# Problem
In the material below, list every line carrying the string "JOIST".

# Data to use
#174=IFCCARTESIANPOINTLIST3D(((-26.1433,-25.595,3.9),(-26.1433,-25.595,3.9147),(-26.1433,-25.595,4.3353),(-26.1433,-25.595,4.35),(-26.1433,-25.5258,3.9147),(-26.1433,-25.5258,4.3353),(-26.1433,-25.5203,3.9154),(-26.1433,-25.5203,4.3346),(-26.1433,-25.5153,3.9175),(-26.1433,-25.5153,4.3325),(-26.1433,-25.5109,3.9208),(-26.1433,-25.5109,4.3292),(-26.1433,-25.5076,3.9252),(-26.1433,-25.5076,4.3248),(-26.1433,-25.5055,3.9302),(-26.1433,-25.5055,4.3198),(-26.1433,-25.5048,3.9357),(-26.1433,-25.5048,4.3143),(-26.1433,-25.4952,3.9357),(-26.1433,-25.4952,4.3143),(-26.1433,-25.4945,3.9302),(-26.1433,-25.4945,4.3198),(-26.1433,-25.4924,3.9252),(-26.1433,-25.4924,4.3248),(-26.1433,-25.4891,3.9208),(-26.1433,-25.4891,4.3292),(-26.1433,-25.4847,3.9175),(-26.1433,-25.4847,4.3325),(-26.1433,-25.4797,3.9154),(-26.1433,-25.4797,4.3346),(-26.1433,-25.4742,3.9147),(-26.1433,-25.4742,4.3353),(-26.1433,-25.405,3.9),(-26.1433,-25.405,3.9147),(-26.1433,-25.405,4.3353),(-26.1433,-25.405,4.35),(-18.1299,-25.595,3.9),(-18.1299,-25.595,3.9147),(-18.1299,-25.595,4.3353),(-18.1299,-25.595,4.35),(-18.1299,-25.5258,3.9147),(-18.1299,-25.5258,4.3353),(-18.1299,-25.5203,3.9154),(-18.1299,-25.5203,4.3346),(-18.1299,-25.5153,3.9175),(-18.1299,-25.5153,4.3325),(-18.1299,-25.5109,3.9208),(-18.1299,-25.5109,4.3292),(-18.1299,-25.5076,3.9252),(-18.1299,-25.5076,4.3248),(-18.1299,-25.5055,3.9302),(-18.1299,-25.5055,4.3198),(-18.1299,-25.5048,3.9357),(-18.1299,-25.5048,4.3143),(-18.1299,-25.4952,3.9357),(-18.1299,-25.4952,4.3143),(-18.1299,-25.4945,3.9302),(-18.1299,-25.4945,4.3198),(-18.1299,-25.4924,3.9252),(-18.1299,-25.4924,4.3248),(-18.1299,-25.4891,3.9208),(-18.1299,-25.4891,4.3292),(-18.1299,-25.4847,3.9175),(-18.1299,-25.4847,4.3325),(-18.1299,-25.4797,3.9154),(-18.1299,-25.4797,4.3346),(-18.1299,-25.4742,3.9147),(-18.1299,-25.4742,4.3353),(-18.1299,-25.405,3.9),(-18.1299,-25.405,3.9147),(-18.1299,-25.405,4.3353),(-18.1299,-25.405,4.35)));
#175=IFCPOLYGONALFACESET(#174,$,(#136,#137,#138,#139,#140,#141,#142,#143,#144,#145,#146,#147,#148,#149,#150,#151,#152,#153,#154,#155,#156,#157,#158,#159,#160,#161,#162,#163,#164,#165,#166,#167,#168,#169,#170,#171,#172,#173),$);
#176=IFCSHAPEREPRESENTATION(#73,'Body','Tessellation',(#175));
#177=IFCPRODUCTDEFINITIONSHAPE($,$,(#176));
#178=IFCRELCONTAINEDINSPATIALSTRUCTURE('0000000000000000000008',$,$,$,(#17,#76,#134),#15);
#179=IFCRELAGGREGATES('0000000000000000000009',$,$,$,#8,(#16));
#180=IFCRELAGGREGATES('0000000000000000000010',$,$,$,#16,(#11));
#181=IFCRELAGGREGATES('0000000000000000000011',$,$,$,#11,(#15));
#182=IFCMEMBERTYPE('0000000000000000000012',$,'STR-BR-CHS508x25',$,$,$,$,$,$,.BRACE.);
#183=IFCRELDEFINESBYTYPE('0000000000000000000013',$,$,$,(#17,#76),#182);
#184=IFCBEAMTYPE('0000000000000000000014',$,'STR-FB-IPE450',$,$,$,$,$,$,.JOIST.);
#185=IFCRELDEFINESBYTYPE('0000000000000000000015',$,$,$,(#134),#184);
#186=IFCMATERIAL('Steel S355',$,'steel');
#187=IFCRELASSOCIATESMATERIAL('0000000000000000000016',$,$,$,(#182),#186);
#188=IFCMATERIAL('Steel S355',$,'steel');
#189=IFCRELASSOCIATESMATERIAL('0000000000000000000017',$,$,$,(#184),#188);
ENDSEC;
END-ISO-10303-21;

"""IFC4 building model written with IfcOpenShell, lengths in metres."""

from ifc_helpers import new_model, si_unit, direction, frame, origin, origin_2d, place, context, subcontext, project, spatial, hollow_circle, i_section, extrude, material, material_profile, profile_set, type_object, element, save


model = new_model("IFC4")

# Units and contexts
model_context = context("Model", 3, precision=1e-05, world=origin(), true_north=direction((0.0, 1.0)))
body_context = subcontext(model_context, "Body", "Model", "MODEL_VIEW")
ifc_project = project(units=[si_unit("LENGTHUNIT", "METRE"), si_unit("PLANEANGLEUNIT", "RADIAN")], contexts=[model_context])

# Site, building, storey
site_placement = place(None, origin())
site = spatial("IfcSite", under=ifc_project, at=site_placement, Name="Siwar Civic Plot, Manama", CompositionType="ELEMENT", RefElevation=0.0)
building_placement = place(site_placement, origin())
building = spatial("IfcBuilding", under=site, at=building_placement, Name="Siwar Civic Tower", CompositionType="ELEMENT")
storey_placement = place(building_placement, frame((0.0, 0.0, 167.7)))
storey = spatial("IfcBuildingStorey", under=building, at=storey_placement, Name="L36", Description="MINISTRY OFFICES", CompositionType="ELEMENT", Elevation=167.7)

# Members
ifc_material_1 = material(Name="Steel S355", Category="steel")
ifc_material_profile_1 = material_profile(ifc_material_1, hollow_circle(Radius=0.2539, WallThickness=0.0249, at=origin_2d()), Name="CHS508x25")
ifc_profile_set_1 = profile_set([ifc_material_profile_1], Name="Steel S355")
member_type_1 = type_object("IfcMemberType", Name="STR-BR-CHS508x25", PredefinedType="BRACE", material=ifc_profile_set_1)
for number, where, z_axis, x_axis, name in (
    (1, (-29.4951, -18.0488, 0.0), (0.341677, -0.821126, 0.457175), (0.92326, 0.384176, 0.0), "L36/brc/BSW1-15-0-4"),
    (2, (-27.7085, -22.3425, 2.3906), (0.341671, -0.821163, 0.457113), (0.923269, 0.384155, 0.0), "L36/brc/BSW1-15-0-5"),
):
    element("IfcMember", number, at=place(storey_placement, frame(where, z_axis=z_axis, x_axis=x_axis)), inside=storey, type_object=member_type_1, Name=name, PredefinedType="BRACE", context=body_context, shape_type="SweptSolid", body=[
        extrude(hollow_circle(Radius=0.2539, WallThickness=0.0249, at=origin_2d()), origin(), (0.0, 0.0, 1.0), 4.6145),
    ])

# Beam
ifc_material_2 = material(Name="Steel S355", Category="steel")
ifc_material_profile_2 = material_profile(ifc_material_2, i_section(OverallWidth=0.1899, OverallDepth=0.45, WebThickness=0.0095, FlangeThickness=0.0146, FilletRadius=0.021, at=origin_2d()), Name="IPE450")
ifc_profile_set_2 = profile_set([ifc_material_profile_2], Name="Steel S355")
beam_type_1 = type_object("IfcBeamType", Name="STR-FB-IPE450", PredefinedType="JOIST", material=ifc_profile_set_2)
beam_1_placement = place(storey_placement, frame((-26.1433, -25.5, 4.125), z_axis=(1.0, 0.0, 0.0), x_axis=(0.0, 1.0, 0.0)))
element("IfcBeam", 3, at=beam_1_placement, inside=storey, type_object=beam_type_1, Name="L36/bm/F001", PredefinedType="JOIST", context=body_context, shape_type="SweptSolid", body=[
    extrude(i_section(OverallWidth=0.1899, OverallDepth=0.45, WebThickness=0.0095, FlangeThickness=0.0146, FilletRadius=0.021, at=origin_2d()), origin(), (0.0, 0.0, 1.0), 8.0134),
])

# Answer section
#184=IFCBEAMTYPE('0000000000000000000014',$,'STR-FB-IPE450',$,$,$,$,$,$,.JOIST.);
beam_type_1 = type_object("IfcBeamType", Name="STR-FB-IPE450", PredefinedType="JOIST", material=ifc_profile_set_2)
element("IfcBeam", 3, at=beam_1_placement, inside=storey, type_object=beam_type_1, Name="L36/bm/F001", PredefinedType="JOIST", context=body_context, shape_type="SweptSolid", body=[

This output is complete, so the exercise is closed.